**To do**
Starting at the line containing "frame((0.0, 0.0, 14.7)))" and ending at the line containing "#101=IFCINDEXEDPOLYGONALFACE((5,7,8,6));", print every line of the material below exactly, both ends included, and stop there.

**Exercise data**
------------------------------------

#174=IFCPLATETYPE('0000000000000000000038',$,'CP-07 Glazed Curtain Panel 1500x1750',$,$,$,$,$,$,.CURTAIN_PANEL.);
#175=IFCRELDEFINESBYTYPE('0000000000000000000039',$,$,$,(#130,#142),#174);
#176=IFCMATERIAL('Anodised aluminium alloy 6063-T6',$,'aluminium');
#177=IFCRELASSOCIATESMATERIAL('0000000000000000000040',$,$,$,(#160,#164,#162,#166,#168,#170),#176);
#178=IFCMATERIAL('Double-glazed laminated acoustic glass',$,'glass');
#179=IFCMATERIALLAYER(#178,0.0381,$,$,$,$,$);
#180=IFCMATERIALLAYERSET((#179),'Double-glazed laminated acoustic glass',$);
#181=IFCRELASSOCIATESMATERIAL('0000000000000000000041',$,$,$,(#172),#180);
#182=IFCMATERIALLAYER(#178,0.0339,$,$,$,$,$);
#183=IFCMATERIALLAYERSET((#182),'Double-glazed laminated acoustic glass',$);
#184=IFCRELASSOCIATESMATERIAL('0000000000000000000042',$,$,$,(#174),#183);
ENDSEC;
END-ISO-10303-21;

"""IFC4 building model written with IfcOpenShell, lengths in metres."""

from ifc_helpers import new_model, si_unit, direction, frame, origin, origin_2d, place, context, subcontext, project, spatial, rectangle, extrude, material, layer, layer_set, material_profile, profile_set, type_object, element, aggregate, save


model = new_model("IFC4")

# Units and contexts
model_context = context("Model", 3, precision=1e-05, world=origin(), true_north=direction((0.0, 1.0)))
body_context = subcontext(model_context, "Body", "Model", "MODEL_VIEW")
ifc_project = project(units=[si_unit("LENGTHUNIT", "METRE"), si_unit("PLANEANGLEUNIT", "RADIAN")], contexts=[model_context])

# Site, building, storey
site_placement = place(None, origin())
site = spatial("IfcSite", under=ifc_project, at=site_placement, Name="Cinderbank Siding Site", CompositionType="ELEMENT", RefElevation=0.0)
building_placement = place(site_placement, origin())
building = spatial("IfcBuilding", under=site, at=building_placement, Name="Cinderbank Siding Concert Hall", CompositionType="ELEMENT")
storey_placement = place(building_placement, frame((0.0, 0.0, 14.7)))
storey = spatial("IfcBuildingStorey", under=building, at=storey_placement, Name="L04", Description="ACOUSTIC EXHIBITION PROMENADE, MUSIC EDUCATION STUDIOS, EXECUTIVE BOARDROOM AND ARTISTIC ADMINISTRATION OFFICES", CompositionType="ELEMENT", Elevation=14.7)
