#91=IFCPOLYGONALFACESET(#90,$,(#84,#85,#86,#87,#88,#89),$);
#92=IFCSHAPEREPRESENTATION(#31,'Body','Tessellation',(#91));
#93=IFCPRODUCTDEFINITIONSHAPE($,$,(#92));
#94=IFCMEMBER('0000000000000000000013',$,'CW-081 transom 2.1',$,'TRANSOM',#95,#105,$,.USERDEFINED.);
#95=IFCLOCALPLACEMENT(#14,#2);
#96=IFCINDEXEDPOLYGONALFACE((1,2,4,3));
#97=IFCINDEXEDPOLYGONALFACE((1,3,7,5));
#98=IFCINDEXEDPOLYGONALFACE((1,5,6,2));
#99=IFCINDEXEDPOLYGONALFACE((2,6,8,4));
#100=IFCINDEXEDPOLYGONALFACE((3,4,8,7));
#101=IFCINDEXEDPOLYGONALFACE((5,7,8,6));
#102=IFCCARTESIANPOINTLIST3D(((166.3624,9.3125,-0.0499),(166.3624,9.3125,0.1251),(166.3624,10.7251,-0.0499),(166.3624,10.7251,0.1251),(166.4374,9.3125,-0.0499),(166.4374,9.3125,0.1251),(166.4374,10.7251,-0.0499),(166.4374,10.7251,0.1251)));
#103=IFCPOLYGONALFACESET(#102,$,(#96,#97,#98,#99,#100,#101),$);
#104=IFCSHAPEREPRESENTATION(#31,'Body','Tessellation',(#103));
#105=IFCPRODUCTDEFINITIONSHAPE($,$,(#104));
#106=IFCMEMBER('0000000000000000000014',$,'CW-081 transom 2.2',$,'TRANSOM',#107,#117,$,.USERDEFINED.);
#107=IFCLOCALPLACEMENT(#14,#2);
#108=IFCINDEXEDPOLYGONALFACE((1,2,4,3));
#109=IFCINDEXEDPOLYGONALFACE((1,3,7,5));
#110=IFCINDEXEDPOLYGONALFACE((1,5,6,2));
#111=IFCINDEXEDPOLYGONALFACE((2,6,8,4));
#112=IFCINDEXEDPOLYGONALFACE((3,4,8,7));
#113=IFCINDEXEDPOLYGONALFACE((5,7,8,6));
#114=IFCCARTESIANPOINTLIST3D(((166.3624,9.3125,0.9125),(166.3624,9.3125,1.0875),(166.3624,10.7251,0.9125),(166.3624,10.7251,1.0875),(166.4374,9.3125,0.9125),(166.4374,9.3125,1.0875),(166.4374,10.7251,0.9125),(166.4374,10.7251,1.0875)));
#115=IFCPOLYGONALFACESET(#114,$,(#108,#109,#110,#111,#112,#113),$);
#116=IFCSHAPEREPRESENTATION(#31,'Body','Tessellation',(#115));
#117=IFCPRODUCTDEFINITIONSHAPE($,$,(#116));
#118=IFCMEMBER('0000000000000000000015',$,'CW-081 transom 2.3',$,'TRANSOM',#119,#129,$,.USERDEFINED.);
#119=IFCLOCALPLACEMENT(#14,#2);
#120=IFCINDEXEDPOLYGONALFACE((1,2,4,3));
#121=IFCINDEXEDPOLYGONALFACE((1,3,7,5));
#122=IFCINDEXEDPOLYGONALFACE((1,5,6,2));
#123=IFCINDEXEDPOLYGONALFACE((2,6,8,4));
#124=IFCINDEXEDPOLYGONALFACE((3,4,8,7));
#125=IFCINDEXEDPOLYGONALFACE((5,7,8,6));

------------------------------------

**Answer to the problem**
storey_placement = place(building_placement, frame((0.0, 0.0, 14.7)))
storey = spatial("IfcBuildingStorey", under=building, at=storey_placement, Name="L04", Description="ACOUSTIC EXHIBITION PROMENADE, MUSIC EDUCATION STUDIOS, EXECUTIVE BOARDROOM AND ARTISTIC ADMINISTRATION OFFICES", CompositionType="ELEMENT", Elevation=14.7)
#91=IFCPOLYGONALFACESET(#90,$,(#84,#85,#86,#87,#88,#89),$);
#92=IFCSHAPEREPRESENTATION(#31,'Body','Tessellation',(#91));
#93=IFCPRODUCTDEFINITIONSHAPE($,$,(#92));
#94=IFCMEMBER('0000000000000000000013',$,'CW-081 transom 2.1',$,'TRANSOM',#95,#105,$,.USERDEFINED.);
#95=IFCLOCALPLACEMENT(#14,#2);
#96=IFCINDEXEDPOLYGONALFACE((1,2,4,3));
#97=IFCINDEXEDPOLYGONALFACE((1,3,7,5));
#98=IFCINDEXEDPOLYGONALFACE((1,5,6,2));
#99=IFCINDEXEDPOLYGONALFACE((2,6,8,4));
#100=IFCINDEXEDPOLYGONALFACE((3,4,8,7));
#101=IFCINDEXEDPOLYGONALFACE((5,7,8,6));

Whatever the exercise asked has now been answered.